- [The problem]:
Look below for the line holding "#145=IFCPRODUCTDEFINITIONSHAPE($,$,(#144));" and the line holding "building model written". Transcribe exactly those lines and all lines between them, nothing more.

Start of Block

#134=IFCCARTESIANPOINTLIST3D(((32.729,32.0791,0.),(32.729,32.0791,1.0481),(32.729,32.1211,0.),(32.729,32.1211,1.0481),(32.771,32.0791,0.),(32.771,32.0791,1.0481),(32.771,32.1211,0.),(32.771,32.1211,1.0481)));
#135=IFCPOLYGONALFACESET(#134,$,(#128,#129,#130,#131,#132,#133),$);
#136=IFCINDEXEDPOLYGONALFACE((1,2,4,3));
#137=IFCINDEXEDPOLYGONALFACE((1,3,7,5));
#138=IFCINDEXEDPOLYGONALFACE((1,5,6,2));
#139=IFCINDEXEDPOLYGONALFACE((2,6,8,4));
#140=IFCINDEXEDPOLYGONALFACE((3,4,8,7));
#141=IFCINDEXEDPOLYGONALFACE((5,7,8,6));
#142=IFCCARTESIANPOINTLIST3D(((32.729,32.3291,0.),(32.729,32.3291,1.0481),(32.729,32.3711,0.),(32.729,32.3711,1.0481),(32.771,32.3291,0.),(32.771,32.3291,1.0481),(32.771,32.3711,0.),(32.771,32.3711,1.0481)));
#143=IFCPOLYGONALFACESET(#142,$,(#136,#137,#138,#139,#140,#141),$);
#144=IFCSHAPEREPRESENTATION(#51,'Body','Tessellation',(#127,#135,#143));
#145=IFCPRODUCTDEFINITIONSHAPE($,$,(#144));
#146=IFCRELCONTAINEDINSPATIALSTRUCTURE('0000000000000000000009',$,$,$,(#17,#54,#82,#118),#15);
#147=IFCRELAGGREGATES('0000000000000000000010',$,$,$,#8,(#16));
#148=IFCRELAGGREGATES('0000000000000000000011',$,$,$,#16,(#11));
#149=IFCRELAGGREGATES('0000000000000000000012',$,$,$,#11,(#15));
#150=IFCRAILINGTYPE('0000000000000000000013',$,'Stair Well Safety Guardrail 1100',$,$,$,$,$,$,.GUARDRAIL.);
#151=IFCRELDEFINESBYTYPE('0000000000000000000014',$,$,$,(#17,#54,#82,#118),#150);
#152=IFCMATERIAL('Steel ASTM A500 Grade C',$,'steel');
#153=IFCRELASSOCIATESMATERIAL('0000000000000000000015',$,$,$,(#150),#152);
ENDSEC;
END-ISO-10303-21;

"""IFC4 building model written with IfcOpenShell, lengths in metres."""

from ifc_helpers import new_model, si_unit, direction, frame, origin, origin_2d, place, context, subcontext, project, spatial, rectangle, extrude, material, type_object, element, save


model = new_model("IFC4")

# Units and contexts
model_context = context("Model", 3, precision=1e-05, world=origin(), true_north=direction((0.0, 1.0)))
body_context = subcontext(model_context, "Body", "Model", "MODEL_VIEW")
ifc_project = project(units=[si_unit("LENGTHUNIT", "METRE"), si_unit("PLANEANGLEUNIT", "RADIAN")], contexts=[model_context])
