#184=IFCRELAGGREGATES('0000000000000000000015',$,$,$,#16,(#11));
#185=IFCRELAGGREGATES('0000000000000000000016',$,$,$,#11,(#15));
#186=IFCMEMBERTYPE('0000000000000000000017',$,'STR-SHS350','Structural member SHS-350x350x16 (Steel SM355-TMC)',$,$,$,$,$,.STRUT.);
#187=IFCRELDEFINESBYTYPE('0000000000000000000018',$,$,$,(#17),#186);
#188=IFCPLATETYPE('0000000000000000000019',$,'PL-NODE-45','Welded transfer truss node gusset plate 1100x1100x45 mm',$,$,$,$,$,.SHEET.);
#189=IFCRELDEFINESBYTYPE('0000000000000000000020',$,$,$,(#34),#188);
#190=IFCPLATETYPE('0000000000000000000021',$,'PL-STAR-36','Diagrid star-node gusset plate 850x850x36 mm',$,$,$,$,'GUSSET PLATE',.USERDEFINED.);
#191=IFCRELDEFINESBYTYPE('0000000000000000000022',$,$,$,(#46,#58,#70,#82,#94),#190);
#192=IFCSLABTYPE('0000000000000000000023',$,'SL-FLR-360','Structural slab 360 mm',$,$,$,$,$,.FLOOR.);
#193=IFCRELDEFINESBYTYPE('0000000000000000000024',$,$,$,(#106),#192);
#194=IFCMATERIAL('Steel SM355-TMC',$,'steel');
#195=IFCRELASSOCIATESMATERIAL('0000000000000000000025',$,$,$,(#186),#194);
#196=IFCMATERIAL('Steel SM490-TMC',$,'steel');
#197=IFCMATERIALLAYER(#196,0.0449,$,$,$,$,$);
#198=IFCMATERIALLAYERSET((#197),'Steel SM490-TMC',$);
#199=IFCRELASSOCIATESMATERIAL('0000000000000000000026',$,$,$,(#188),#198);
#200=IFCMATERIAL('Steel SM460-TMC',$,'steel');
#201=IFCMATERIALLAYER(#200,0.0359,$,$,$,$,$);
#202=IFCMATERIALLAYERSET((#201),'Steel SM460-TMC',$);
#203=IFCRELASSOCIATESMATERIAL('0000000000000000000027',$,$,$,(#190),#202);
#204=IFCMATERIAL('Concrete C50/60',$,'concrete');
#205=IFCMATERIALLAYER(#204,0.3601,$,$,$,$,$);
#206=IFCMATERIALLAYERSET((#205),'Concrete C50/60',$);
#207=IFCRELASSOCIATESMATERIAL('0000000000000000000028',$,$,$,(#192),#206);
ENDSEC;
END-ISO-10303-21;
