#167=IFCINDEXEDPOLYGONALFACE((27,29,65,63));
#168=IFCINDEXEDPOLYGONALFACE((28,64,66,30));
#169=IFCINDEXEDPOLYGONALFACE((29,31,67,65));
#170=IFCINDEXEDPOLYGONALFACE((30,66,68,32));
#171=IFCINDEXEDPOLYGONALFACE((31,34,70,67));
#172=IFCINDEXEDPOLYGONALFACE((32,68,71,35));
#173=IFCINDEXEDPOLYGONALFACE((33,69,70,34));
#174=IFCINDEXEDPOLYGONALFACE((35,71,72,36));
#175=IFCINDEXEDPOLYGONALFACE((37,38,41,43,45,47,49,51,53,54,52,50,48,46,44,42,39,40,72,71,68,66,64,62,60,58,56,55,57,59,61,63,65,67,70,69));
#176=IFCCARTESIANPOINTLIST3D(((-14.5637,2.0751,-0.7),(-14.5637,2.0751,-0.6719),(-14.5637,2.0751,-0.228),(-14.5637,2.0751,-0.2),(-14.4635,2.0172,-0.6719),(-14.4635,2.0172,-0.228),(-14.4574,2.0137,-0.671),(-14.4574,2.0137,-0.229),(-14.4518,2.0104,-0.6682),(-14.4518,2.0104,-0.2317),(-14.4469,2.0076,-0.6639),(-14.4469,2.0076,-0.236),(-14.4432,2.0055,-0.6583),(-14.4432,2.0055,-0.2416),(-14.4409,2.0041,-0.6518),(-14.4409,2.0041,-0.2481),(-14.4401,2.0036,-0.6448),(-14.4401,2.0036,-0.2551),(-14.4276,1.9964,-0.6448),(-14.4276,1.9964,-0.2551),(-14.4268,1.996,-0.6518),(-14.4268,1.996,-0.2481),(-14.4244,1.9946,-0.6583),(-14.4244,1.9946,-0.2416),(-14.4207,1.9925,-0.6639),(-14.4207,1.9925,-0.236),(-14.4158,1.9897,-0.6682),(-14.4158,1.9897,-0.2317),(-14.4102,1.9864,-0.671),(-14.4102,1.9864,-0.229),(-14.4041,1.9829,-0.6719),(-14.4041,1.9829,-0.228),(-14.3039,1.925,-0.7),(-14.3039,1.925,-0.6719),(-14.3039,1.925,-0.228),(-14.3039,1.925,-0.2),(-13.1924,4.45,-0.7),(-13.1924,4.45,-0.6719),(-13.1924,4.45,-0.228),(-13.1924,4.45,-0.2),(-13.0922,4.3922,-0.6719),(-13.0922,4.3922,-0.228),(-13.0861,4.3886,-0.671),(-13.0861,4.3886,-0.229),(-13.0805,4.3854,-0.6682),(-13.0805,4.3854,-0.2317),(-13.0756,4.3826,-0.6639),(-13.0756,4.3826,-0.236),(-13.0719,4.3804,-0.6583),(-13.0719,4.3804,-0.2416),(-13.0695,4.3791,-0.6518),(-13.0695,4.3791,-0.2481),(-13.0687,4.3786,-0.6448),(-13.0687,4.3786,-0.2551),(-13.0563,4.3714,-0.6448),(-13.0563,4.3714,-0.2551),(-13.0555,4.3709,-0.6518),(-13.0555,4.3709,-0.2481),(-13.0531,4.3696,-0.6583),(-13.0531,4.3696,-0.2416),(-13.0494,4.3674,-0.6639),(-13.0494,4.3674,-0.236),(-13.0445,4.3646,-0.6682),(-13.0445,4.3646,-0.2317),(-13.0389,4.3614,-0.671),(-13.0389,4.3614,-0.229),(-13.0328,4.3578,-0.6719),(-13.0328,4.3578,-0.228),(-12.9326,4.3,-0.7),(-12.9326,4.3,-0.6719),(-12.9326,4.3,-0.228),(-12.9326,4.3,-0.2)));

End of Block

- [Response below]:
#145=IFCPRODUCTDEFINITIONSHAPE($,$,(#144));
#146=IFCRELCONTAINEDINSPATIALSTRUCTURE('0000000000000000000009',$,$,$,(#17,#54,#82,#118),#15);
#147=IFCRELAGGREGATES('0000000000000000000010',$,$,$,#8,(#16));
#148=IFCRELAGGREGATES('0000000000000000000011',$,$,$,#16,(#11));
#149=IFCRELAGGREGATES('0000000000000000000012',$,$,$,#11,(#15));
#150=IFCRAILINGTYPE('0000000000000000000013',$,'Stair Well Safety Guardrail 1100',$,$,$,$,$,$,.GUARDRAIL.);
#151=IFCRELDEFINESBYTYPE('0000000000000000000014',$,$,$,(#17,#54,#82,#118),#150);
#152=IFCMATERIAL('Steel ASTM A500 Grade C',$,'steel');
#153=IFCRELASSOCIATESMATERIAL('0000000000000000000015',$,$,$,(#150),#152);
ENDSEC;
END-ISO-10303-21;

"""IFC4 building model written with IfcOpenShell, lengths in metres."""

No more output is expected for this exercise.